_Stored items_.
***

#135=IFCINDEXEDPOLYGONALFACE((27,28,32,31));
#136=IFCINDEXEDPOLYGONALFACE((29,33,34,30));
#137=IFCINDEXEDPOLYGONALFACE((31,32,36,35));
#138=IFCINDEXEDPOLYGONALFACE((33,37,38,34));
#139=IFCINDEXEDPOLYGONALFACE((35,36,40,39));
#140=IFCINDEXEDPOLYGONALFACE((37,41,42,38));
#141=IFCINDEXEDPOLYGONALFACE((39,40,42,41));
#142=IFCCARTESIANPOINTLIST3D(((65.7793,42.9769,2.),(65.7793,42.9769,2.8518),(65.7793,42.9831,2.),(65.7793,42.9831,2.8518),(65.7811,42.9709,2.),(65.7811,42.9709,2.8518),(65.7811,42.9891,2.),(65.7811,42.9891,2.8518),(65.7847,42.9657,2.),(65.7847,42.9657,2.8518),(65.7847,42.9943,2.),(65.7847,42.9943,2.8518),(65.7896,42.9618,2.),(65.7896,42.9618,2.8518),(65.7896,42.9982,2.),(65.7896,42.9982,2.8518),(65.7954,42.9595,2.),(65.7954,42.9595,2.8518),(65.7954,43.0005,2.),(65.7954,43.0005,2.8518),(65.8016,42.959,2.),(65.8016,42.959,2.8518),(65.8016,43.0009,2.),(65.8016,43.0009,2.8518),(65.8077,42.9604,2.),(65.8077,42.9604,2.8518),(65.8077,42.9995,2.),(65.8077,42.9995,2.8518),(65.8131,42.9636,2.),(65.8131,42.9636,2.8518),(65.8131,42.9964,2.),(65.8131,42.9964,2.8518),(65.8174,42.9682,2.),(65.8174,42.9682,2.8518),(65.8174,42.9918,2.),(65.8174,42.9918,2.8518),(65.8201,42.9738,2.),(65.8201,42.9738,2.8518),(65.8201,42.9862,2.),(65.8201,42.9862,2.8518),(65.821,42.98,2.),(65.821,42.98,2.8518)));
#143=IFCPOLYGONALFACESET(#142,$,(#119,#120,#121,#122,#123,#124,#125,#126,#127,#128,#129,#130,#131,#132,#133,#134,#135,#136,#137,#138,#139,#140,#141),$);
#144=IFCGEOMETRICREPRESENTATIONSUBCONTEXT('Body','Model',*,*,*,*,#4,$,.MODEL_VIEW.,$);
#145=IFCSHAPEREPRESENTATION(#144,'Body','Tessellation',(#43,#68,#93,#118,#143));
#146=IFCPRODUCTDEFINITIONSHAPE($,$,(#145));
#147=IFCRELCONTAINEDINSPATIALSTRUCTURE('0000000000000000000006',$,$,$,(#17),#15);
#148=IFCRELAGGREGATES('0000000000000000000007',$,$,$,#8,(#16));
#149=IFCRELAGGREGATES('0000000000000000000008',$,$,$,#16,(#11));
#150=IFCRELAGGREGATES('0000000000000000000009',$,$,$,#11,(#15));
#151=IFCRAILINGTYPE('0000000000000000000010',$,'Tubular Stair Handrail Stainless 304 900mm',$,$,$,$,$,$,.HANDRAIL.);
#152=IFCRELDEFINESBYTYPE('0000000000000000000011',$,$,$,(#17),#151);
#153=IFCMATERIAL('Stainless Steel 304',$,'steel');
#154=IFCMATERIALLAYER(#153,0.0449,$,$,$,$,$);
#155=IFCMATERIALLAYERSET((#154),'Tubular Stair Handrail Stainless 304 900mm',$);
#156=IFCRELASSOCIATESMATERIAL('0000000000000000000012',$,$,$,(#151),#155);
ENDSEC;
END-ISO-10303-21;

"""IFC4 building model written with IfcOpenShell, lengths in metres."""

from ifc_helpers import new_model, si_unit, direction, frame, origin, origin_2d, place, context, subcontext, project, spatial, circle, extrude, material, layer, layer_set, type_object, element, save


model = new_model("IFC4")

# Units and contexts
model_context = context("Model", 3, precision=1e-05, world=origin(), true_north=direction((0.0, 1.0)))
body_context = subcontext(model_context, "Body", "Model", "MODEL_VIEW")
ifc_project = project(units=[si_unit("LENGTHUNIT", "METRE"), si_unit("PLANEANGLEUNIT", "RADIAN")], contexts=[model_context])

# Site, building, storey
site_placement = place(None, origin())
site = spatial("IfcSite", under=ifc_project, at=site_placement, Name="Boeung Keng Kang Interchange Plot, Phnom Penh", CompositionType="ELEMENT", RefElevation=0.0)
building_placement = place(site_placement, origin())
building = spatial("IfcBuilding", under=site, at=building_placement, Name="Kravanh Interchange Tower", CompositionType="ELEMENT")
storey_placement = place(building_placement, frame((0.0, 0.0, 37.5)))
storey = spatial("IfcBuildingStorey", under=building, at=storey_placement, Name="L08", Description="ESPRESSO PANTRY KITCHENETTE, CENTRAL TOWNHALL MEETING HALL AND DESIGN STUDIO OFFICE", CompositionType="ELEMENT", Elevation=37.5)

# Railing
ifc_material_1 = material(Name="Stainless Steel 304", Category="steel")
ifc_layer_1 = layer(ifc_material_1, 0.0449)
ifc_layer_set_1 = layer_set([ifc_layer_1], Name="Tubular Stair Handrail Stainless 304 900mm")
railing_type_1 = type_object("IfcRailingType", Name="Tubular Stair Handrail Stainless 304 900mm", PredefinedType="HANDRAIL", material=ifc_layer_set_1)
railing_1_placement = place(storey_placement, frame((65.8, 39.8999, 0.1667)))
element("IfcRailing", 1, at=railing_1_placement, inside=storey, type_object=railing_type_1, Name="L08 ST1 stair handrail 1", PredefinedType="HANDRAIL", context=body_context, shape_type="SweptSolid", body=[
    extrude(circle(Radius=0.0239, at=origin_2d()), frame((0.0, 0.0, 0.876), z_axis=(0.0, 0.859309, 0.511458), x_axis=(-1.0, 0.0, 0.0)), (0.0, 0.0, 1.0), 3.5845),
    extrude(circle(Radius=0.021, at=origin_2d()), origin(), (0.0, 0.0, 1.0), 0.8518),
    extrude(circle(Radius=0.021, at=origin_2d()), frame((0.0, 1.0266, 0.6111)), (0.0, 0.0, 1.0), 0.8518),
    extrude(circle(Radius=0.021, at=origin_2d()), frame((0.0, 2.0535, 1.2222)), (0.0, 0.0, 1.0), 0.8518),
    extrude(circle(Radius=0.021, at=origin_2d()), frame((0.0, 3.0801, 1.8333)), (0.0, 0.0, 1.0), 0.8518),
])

***

_PROBLEM_. Your job is to write out the data exactly as it stands.

_REPLY TO THE EXERCISE_.
#135=IFCINDEXEDPOLYGONALFACE((27,28,32,31));
#136=IFCINDEXEDPOLYGONALFACE((29,33,34,30));
#137=IFCINDEXEDPOLYGONALFACE((31,32,36,35));
#138=IFCINDEXEDPOLYGONALFACE((33,37,38,34));
#139=IFCINDEXEDPOLYGONALFACE((35,36,40,39));
#140=IFCINDEXEDPOLYGONALFACE((37,41,42,38));
#141=IFCINDEXEDPOLYGONALFACE((39,40,42,41));
#142=IFCCARTESIANPOINTLIST3D(((65.7793,42.9769,2.),(65.7793,42.9769,2.8518),(65.7793,42.9831,2.),(65.7793,42.9831,2.8518),(65.7811,42.9709,2.),(65.7811,42.9709,2.8518),(65.7811,42.9891,2.),(65.7811,42.9891,2.8518),(65.7847,42.9657,2.),(65.7847,42.9657,2.8518),(65.7847,42.9943,2.),(65.7847,42.9943,2.8518),(65.7896,42.9618,2.),(65.7896,42.9618,2.8518),(65.7896,42.9982,2.),(65.7896,42.9982,2.8518),(65.7954,42.9595,2.),(65.7954,42.9595,2.8518),(65.7954,43.0005,2.),(65.7954,43.0005,2.8518),(65.8016,42.959,2.),(65.8016,42.959,2.8518),(65.8016,43.0009,2.),(65.8016,43.0009,2.8518),(65.8077,42.9604,2.),(65.8077,42.9604,2.8518),(65.8077,42.9995,2.),(65.8077,42.9995,2.8518),(65.8131,42.9636,2.),(65.8131,42.9636,2.8518),(65.8131,42.9964,2.),(65.8131,42.9964,2.8518),(65.8174,42.9682,2.),(65.8174,42.9682,2.8518),(65.8174,42.9918,2.),(65.8174,42.9918,2.8518),(65.8201,42.9738,2.),(65.8201,42.9738,2.8518),(65.8201,42.9862,2.),(65.8201,42.9862,2.8518),(65.821,42.98,2.),(65.821,42.98,2.8518)));
#143=IFCPOLYGONALFACESET(#142,$,(#119,#120,#121,#122,#123,#124,#125,#126,#127,#128,#129,#130,#131,#132,#133,#134,#135,#136,#137,#138,#139,#140,#141),$);
#144=IFCGEOMETRICREPRESENTATIONSUBCONTEXT('Body','Model',*,*,*,*,#4,$,.MODEL_VIEW.,$);
#145=IFCSHAPEREPRESENTATION(#144,'Body','Tessellation',(#43,#68,#93,#118,#143));
#146=IFCPRODUCTDEFINITIONSHAPE($,$,(#145));
#147=IFCRELCONTAINEDINSPATIALSTRUCTURE('0000000000000000000006',$,$,$,(#17),#15);
#148=IFCRELAGGREGATES('0000000000000000000007',$,$,$,#8,(#16));
#149=IFCRELAGGREGATES('0000000000000000000008',$,$,$,#16,(#11));
#150=IFCRELAGGREGATES('0000000000000000000009',$,$,$,#11,(#15));
#151=IFCRAILINGTYPE('0000000000000000000010',$,'Tubular Stair Handrail Stainless 304 900mm',$,$,$,$,$,$,.HANDRAIL.);
#152=IFCRELDEFINESBYTYPE('0000000000000000000011',$,$,$,(#17),#151);
#153=IFCMATERIAL('Stainless Steel 304',$,'steel');
#154=IFCMATERIALLAYER(#153,0.0449,$,$,$,$,$);
#155=IFCMATERIALLAYERSET((#154),'Tubular Stair Handrail Stainless 304 900mm',$);
#156=IFCRELASSOCIATESMATERIAL('0000000000000000000012',$,$,$,(#151),#155);
ENDSEC;
END-ISO-10303-21;

"""IFC4 building model written with IfcOpenShell, lengths in metres."""

from ifc_helpers import new_model, si_unit, direction, frame, origin, origin_2d, place, context, subcontext, project, spatial, circle, extrude, material, layer, layer_set, type_object, element, save


model = new_model("IFC4")

# Units and contexts
model_context = context("Model", 3, precision=1e-05, world=origin(), true_north=direction((0.0, 1.0)))
body_context = subcontext(model_context, "Body", "Model", "MODEL_VIEW")
ifc_project = project(units=[si_unit("LENGTHUNIT", "METRE"), si_unit("PLANEANGLEUNIT", "RADIAN")], contexts=[model_context])

# Site, building, storey
site_placement = place(None, origin())
site = spatial("IfcSite", under=ifc_project, at=site_placement, Name="Boeung Keng Kang Interchange Plot, Phnom Penh", CompositionType="ELEMENT", RefElevation=0.0)
building_placement = place(site_placement, origin())
building = spatial("IfcBuilding", under=site, at=building_placement, Name="Kravanh Interchange Tower", CompositionType="ELEMENT")
storey_placement = place(building_placement, frame((0.0, 0.0, 37.5)))
storey = spatial("IfcBuildingStorey", under=building, at=storey_placement, Name="L08", Description="ESPRESSO PANTRY KITCHENETTE, CENTRAL TOWNHALL MEETING HALL AND DESIGN STUDIO OFFICE", CompositionType="ELEMENT", Elevation=37.5)

# Railing
ifc_material_1 = material(Name="Stainless Steel 304", Category="steel")
ifc_layer_1 = layer(ifc_material_1, 0.0449)
ifc_layer_set_1 = layer_set([ifc_layer_1], Name="Tubular Stair Handrail Stainless 304 900mm")
railing_type_1 = type_object("IfcRailingType", Name="Tubular Stair Handrail Stainless 304 900mm", PredefinedType="HANDRAIL", material=ifc_layer_set_1)
railing_1_placement = place(storey_placement, frame((65.8, 39.8999, 0.1667)))
element("IfcRailing", 1, at=railing_1_placement, inside=storey, type_object=railing_type_1, Name="L08 ST1 stair handrail 1", PredefinedType="HANDRAIL", context=body_context, shape_type="SweptSolid", body=[
    extrude(circle(Radius=0.0239, at=origin_2d()), frame((0.0, 0.0, 0.876), z_axis=(0.0, 0.859309, 0.511458), x_axis=(-1.0, 0.0, 0.0)), (0.0, 0.0, 1.0), 3.5845),
    extrude(circle(Radius=0.021, at=origin_2d()), origin(), (0.0, 0.0, 1.0), 0.8518),
    extrude(circle(Radius=0.021, at=origin_2d()), frame((0.0, 1.0266, 0.6111)), (0.0, 0.0, 1.0), 0.8518),
    extrude(circle(Radius=0.021, at=origin_2d()), frame((0.0, 2.0535, 1.2222)), (0.0, 0.0, 1.0), 0.8518),
    extrude(circle(Radius=0.021, at=origin_2d()), frame((0.0, 3.0801, 1.8333)), (0.0, 0.0, 1.0), 0.8518),
])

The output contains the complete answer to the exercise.